WHAT YOU ARE ASKED TO DO: In the entries below, find the line containing "#71=IFCINDEXEDPOLYGONALFACE((1,3,7,5));" and the line containing "#96=IFCINDEXEDPOLYGONALFACE((1,2,4,3));". Copy those two lines and everything between them exactly, and only that.

EXERCISE INPUTS:
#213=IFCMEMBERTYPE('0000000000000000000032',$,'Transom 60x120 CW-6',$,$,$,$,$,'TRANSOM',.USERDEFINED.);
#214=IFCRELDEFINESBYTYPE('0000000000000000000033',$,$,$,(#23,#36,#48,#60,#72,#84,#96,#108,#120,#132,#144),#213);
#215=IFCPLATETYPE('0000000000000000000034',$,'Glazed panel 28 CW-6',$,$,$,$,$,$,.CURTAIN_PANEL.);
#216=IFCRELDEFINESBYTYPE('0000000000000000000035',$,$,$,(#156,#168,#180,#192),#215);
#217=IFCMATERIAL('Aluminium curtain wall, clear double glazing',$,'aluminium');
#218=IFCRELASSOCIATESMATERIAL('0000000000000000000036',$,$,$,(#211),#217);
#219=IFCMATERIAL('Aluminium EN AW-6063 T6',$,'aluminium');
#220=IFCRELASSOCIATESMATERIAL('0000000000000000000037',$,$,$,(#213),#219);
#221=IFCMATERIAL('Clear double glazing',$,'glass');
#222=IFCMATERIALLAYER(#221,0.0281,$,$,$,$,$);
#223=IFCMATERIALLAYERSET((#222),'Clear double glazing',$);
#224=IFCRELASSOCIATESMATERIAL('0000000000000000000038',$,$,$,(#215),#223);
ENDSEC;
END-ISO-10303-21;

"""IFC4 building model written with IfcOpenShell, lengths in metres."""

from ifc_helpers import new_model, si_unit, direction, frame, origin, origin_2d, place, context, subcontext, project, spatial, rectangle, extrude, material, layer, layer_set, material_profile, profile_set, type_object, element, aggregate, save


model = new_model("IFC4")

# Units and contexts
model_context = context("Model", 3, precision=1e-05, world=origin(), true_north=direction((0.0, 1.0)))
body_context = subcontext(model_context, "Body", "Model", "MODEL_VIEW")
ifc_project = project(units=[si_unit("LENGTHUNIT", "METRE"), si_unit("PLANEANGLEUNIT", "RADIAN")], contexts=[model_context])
* * *
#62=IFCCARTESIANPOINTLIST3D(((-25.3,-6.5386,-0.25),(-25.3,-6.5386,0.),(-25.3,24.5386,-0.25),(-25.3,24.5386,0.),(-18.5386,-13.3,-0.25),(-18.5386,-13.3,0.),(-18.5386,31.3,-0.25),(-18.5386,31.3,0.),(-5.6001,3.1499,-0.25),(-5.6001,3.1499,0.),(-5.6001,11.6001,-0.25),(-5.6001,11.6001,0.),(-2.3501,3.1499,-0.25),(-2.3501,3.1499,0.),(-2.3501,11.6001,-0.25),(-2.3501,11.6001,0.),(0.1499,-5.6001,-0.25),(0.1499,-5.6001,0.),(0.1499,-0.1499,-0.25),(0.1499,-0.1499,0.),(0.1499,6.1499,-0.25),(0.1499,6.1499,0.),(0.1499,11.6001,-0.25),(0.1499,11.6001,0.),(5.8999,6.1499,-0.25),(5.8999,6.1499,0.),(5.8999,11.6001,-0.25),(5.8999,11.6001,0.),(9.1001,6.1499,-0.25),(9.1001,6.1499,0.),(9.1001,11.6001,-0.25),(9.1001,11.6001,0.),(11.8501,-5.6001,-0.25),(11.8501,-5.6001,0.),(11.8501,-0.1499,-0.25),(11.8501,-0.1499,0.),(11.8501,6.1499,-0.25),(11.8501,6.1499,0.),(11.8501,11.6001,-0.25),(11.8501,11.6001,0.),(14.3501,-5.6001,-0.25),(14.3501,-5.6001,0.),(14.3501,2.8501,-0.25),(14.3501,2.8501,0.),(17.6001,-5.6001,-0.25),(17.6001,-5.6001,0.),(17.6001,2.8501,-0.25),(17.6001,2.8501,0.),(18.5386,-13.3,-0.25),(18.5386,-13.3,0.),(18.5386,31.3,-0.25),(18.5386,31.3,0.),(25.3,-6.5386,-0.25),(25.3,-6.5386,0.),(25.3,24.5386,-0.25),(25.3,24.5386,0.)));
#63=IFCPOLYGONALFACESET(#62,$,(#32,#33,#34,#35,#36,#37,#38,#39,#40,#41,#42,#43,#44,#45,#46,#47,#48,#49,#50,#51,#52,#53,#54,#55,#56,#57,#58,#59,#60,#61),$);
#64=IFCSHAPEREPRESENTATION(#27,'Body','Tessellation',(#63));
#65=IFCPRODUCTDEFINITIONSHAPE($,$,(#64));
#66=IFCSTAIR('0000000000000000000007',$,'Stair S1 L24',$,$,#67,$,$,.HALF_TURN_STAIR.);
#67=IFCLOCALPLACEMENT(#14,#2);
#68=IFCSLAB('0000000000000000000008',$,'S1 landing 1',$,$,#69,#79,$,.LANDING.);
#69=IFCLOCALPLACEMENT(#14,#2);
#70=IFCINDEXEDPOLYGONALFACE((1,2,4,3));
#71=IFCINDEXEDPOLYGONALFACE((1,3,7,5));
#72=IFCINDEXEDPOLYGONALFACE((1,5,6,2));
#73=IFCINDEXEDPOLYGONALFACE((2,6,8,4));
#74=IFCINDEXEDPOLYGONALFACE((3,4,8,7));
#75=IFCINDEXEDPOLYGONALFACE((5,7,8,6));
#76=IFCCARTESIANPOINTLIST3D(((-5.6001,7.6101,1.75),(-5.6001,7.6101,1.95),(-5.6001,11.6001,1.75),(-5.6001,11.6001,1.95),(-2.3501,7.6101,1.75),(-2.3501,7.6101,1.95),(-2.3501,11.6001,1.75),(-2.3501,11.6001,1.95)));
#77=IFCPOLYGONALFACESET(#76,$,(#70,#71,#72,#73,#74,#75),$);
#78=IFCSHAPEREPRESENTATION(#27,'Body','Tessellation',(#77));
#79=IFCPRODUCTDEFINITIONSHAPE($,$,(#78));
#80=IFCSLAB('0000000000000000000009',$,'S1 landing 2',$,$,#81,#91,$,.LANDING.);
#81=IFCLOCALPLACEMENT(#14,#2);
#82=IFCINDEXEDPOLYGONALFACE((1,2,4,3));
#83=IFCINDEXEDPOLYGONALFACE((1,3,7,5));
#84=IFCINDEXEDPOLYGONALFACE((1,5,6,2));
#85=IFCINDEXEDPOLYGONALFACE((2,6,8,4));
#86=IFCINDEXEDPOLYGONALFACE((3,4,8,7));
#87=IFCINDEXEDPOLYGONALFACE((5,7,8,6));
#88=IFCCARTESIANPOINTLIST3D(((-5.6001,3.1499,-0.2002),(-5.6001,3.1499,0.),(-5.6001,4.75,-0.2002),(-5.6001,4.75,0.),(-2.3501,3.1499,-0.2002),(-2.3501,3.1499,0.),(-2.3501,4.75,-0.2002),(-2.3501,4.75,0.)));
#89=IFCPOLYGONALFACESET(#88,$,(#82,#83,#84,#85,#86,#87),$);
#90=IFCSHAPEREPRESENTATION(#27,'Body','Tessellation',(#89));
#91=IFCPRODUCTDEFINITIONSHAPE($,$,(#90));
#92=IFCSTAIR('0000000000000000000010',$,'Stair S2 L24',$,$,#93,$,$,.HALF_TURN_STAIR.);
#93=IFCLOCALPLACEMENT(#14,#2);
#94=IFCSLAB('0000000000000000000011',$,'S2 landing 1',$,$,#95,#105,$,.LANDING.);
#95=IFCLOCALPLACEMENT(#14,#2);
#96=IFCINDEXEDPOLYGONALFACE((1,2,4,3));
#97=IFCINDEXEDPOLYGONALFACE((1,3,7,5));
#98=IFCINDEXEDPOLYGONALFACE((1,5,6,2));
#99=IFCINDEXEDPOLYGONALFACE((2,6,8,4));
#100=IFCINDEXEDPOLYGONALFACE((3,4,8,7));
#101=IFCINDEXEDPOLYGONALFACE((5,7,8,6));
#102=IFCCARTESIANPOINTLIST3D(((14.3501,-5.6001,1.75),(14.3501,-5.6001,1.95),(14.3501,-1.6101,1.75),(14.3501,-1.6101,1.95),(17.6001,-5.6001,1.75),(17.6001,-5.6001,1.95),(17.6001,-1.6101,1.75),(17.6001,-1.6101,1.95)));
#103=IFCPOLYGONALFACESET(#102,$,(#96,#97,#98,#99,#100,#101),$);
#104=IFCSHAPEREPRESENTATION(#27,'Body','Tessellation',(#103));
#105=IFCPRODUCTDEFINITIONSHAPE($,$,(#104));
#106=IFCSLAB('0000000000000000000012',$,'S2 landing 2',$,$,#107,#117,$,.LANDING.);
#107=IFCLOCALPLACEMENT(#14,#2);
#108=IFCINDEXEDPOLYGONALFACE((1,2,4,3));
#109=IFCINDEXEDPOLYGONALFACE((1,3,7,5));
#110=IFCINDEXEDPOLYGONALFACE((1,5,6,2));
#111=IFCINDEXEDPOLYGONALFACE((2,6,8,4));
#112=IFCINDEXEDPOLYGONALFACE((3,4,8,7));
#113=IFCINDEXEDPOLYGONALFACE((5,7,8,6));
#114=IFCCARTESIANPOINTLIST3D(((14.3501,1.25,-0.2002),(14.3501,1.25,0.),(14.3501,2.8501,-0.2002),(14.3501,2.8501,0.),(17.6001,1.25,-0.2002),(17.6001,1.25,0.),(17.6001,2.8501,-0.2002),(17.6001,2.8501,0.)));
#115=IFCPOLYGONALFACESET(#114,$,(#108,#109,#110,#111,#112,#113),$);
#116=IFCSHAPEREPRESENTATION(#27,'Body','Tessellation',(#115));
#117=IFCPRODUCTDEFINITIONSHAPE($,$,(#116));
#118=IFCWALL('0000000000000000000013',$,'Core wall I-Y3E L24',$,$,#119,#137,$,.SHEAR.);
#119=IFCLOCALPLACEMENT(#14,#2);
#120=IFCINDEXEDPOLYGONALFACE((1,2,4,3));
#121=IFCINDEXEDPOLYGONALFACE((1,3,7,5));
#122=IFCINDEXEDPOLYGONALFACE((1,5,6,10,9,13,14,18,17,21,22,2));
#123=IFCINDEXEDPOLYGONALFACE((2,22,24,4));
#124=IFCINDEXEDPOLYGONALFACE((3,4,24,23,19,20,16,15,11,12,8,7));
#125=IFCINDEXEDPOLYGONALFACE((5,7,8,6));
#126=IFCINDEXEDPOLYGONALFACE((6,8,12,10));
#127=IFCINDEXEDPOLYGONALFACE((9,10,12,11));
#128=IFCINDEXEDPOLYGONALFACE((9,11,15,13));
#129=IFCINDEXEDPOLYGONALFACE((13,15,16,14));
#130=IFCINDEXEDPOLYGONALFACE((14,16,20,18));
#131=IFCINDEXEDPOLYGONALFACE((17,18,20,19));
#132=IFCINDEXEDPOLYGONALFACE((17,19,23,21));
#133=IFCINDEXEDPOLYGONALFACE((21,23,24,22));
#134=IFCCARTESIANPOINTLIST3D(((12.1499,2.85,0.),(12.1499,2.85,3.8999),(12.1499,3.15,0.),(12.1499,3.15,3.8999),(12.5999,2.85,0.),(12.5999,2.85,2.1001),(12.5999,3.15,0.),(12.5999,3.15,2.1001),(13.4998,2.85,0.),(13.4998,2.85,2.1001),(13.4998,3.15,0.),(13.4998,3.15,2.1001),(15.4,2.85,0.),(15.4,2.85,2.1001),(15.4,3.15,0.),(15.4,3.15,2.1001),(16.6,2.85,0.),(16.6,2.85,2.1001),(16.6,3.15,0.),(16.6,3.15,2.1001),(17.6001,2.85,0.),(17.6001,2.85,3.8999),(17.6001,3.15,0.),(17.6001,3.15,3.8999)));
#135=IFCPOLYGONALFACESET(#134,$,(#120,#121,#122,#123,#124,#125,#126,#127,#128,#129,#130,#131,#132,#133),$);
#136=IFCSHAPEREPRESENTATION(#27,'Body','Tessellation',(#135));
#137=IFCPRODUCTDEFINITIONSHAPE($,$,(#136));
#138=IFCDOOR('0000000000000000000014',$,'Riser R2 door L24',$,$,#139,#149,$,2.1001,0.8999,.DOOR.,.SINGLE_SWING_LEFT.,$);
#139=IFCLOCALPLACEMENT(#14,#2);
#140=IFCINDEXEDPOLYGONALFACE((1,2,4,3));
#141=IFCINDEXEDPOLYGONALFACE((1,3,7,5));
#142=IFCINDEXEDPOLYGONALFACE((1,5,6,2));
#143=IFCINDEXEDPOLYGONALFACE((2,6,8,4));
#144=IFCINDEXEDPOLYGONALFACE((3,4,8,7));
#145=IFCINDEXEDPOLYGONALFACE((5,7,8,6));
--
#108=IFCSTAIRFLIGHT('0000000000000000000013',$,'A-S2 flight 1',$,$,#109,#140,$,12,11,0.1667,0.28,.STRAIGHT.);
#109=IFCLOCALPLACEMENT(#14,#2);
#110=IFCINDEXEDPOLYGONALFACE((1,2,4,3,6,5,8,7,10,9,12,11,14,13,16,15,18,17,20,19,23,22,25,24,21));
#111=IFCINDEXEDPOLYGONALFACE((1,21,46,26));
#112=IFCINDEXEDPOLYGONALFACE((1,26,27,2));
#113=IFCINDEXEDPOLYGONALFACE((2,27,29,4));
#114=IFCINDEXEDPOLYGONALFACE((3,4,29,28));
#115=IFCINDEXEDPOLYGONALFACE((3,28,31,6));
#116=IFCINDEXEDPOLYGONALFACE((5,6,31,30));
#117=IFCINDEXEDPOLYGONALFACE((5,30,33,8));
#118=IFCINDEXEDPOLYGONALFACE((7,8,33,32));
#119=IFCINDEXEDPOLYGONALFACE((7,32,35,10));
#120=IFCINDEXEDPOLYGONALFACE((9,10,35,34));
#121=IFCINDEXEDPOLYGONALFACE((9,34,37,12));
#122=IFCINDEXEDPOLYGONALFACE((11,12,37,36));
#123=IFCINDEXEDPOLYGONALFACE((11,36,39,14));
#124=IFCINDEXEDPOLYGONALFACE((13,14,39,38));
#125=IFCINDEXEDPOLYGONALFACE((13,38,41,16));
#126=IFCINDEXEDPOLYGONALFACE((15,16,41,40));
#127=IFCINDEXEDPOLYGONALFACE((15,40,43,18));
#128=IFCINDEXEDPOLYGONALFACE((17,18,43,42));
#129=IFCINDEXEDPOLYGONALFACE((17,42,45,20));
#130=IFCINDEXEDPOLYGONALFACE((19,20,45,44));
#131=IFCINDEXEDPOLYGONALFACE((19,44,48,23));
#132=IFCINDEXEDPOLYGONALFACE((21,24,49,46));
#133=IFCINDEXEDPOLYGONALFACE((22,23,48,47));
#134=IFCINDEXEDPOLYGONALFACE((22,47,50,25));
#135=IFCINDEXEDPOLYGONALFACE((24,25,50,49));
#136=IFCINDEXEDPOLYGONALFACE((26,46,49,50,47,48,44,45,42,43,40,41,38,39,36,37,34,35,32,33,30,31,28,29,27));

SOLUTION TO THIS PROBLEM:
#71=IFCINDEXEDPOLYGONALFACE((1,3,7,5));
#72=IFCINDEXEDPOLYGONALFACE((1,5,6,2));
#73=IFCINDEXEDPOLYGONALFACE((2,6,8,4));
#74=IFCINDEXEDPOLYGONALFACE((3,4,8,7));
#75=IFCINDEXEDPOLYGONALFACE((5,7,8,6));
#76=IFCCARTESIANPOINTLIST3D(((-5.6001,7.6101,1.75),(-5.6001,7.6101,1.95),(-5.6001,11.6001,1.75),(-5.6001,11.6001,1.95),(-2.3501,7.6101,1.75),(-2.3501,7.6101,1.95),(-2.3501,11.6001,1.75),(-2.3501,11.6001,1.95)));
#77=IFCPOLYGONALFACESET(#76,$,(#70,#71,#72,#73,#74,#75),$);
#78=IFCSHAPEREPRESENTATION(#27,'Body','Tessellation',(#77));
#79=IFCPRODUCTDEFINITIONSHAPE($,$,(#78));
#80=IFCSLAB('0000000000000000000009',$,'S1 landing 2',$,$,#81,#91,$,.LANDING.);
#81=IFCLOCALPLACEMENT(#14,#2);
#82=IFCINDEXEDPOLYGONALFACE((1,2,4,3));
#83=IFCINDEXEDPOLYGONALFACE((1,3,7,5));
#84=IFCINDEXEDPOLYGONALFACE((1,5,6,2));
#85=IFCINDEXEDPOLYGONALFACE((2,6,8,4));
#86=IFCINDEXEDPOLYGONALFACE((3,4,8,7));
#87=IFCINDEXEDPOLYGONALFACE((5,7,8,6));
#88=IFCCARTESIANPOINTLIST3D(((-5.6001,3.1499,-0.2002),(-5.6001,3.1499,0.),(-5.6001,4.75,-0.2002),(-5.6001,4.75,0.),(-2.3501,3.1499,-0.2002),(-2.3501,3.1499,0.),(-2.3501,4.75,-0.2002),(-2.3501,4.75,0.)));
#89=IFCPOLYGONALFACESET(#88,$,(#82,#83,#84,#85,#86,#87),$);
#90=IFCSHAPEREPRESENTATION(#27,'Body','Tessellation',(#89));
#91=IFCPRODUCTDEFINITIONSHAPE($,$,(#90));
#92=IFCSTAIR('0000000000000000000010',$,'Stair S2 L24',$,$,#93,$,$,.HALF_TURN_STAIR.);
#93=IFCLOCALPLACEMENT(#14,#2);
#94=IFCSLAB('0000000000000000000011',$,'S2 landing 1',$,$,#95,#105,$,.LANDING.);
#95=IFCLOCALPLACEMENT(#14,#2);
#96=IFCINDEXEDPOLYGONALFACE((1,2,4,3));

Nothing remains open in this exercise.